___ Data supplied
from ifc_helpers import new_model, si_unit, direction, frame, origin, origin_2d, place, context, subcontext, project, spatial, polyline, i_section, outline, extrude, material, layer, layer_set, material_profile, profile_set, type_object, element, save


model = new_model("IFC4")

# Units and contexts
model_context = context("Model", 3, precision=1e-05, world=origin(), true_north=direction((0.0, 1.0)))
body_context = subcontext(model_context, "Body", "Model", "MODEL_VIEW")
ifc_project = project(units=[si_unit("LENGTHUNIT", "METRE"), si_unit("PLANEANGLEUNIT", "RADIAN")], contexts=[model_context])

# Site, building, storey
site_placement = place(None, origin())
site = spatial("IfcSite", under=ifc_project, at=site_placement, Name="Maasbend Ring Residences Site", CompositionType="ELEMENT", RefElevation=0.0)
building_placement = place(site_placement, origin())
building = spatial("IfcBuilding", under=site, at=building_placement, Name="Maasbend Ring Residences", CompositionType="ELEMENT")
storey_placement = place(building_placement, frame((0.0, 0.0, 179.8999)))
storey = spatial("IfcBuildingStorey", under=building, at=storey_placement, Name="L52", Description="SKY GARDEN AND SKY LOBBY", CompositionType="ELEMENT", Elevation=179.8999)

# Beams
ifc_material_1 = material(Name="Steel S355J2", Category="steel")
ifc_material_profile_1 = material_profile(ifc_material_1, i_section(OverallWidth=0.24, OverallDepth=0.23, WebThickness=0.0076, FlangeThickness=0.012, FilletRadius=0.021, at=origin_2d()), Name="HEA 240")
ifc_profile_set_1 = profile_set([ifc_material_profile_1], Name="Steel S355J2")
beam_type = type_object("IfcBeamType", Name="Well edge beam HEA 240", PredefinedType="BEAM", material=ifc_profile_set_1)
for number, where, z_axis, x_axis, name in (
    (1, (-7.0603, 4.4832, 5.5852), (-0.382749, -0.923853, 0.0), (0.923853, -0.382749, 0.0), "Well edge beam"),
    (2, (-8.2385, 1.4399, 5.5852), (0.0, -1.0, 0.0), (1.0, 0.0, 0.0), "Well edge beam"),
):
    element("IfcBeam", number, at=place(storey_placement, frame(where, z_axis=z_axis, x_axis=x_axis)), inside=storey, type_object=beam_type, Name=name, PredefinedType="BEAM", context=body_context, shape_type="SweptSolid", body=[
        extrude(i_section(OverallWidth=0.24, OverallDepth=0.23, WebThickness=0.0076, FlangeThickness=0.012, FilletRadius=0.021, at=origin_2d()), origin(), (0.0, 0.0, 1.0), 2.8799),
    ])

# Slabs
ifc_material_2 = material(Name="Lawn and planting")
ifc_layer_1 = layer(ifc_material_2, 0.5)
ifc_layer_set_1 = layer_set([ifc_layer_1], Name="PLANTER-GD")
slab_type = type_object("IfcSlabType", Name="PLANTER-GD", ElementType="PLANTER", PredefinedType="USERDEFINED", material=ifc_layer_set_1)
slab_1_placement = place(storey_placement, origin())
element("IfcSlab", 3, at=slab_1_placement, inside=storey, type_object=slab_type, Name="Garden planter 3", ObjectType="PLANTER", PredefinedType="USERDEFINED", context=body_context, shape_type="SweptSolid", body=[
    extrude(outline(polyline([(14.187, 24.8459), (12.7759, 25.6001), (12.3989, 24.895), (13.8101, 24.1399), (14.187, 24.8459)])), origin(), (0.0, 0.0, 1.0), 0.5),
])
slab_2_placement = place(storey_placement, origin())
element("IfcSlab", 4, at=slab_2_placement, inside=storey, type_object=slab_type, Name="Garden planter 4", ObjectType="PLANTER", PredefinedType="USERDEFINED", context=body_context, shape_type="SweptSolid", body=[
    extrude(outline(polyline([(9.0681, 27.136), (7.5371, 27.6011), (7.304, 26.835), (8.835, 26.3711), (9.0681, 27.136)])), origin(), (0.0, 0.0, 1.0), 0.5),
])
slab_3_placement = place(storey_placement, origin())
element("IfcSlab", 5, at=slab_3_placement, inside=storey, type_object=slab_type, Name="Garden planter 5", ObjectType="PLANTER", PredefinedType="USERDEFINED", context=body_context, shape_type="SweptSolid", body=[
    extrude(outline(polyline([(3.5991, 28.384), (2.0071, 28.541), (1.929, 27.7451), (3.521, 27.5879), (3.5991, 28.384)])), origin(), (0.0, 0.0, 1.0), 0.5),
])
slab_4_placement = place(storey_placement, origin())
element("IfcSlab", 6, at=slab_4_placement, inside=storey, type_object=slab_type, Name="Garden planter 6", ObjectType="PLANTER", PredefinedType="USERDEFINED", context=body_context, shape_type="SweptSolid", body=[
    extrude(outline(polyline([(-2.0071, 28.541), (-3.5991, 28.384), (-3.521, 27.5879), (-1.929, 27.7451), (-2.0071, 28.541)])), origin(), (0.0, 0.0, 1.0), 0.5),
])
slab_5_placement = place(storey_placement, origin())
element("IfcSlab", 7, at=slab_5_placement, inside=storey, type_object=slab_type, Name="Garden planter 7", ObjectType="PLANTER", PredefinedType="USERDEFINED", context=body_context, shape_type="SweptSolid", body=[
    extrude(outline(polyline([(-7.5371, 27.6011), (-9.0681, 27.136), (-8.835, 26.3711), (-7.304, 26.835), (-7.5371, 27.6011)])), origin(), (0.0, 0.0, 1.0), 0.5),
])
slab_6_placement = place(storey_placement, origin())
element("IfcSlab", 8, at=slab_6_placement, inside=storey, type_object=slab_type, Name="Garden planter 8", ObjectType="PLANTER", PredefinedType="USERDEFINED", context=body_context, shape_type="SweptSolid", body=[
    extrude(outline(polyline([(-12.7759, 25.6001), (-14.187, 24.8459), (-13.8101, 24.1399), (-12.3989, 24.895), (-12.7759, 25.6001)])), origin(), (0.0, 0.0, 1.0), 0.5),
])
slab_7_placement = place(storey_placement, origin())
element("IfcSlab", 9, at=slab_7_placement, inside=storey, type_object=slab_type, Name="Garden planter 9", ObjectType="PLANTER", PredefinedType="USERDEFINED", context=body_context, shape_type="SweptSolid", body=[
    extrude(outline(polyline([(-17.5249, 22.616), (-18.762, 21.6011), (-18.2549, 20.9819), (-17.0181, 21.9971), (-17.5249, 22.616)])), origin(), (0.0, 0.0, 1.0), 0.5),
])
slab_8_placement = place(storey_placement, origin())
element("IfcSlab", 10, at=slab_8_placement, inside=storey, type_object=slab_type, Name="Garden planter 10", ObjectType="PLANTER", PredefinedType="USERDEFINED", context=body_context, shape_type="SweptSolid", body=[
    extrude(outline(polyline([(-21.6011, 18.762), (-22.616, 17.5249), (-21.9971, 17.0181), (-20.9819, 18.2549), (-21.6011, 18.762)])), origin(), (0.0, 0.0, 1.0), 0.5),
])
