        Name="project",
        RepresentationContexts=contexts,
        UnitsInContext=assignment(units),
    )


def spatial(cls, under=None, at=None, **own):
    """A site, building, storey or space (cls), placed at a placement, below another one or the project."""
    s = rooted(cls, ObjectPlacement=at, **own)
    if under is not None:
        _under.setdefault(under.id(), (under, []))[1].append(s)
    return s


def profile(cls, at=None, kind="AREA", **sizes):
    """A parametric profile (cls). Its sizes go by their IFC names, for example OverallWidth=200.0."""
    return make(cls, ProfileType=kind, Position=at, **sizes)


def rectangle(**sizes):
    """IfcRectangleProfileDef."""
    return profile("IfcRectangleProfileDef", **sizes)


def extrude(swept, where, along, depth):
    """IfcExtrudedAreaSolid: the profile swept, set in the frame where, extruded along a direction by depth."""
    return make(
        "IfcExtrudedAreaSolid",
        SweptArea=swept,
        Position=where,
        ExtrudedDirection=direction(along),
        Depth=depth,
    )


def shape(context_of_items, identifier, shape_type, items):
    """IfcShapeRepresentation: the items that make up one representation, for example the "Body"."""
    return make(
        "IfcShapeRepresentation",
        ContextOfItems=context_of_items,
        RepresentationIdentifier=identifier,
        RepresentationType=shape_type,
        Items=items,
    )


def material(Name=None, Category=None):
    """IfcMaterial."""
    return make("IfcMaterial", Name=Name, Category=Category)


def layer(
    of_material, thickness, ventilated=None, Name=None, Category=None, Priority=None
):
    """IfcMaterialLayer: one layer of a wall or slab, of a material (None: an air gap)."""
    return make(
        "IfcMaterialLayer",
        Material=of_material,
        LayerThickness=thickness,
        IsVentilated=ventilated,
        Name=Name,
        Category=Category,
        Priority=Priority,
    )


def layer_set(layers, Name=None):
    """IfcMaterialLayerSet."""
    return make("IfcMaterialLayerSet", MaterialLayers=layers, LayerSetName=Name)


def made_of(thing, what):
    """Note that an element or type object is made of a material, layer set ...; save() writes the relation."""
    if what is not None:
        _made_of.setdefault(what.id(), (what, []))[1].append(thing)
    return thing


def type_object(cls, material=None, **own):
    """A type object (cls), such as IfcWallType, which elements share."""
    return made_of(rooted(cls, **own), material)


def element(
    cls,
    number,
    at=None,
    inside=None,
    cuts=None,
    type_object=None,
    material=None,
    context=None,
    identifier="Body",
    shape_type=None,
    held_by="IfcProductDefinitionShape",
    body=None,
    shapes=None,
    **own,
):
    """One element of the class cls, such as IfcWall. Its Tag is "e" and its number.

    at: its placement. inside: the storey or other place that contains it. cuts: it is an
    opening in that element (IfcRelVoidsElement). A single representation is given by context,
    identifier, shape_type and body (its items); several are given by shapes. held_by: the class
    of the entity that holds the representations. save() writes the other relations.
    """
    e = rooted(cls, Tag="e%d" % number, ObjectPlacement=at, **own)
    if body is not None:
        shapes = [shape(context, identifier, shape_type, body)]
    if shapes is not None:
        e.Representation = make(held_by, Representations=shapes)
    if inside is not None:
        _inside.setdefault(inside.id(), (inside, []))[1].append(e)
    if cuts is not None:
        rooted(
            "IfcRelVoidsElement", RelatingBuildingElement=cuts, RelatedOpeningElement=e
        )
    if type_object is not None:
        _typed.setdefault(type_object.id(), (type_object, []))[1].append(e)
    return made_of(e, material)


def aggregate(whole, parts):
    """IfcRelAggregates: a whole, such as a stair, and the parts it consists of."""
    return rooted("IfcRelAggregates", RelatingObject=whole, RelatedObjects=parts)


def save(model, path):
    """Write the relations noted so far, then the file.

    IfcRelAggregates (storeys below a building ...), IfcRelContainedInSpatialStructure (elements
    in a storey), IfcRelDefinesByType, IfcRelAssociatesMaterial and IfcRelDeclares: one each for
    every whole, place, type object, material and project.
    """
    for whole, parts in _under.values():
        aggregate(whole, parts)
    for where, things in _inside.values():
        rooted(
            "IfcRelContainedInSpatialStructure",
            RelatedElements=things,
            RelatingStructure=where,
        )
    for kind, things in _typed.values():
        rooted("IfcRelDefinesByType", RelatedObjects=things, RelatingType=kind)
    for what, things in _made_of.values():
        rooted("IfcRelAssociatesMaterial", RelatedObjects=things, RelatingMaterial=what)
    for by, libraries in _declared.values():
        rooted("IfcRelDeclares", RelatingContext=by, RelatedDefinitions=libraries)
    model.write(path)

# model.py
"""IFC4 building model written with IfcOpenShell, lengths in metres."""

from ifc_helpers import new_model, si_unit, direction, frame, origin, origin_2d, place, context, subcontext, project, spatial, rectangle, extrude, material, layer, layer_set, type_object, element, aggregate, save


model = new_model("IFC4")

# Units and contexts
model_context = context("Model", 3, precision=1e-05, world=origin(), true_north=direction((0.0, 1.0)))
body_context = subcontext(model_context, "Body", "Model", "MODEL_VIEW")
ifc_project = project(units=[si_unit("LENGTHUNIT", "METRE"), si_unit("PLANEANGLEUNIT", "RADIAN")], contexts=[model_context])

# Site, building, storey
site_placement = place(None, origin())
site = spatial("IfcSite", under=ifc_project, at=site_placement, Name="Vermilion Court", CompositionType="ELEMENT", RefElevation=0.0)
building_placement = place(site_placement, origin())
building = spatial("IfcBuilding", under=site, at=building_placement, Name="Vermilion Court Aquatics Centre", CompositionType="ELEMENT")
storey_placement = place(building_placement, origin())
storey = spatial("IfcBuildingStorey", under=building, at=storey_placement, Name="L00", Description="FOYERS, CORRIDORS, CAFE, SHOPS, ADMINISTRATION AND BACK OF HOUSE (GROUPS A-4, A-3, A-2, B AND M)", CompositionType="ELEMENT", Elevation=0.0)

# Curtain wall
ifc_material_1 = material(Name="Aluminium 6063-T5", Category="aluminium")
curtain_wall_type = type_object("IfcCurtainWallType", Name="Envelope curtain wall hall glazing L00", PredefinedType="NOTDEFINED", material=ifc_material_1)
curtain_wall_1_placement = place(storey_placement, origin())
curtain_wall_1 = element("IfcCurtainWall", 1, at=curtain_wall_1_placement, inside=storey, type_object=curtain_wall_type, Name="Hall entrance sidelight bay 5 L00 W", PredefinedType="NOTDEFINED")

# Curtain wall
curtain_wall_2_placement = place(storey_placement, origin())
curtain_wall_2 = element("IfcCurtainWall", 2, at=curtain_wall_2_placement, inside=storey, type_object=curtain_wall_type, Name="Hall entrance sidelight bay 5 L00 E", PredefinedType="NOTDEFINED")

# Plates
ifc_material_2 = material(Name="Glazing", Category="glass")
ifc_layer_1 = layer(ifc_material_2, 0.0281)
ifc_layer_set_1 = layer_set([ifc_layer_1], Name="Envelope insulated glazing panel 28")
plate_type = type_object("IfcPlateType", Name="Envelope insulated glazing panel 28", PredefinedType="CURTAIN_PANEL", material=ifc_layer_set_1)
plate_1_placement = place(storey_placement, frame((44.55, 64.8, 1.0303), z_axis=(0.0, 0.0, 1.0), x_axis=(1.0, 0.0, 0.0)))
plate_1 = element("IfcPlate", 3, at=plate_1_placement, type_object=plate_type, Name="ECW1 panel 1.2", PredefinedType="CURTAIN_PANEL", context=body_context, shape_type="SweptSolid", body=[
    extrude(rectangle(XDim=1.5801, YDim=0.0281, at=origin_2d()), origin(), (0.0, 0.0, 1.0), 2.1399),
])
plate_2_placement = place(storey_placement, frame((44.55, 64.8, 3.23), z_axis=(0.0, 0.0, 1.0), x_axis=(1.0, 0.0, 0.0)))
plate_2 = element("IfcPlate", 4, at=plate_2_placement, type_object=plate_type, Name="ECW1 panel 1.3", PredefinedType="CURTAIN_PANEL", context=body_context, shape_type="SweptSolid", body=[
______
> Problem to solve
Looking at the records above, please work out how many lines contain "values" and state only that number.

> Result of this exercise
5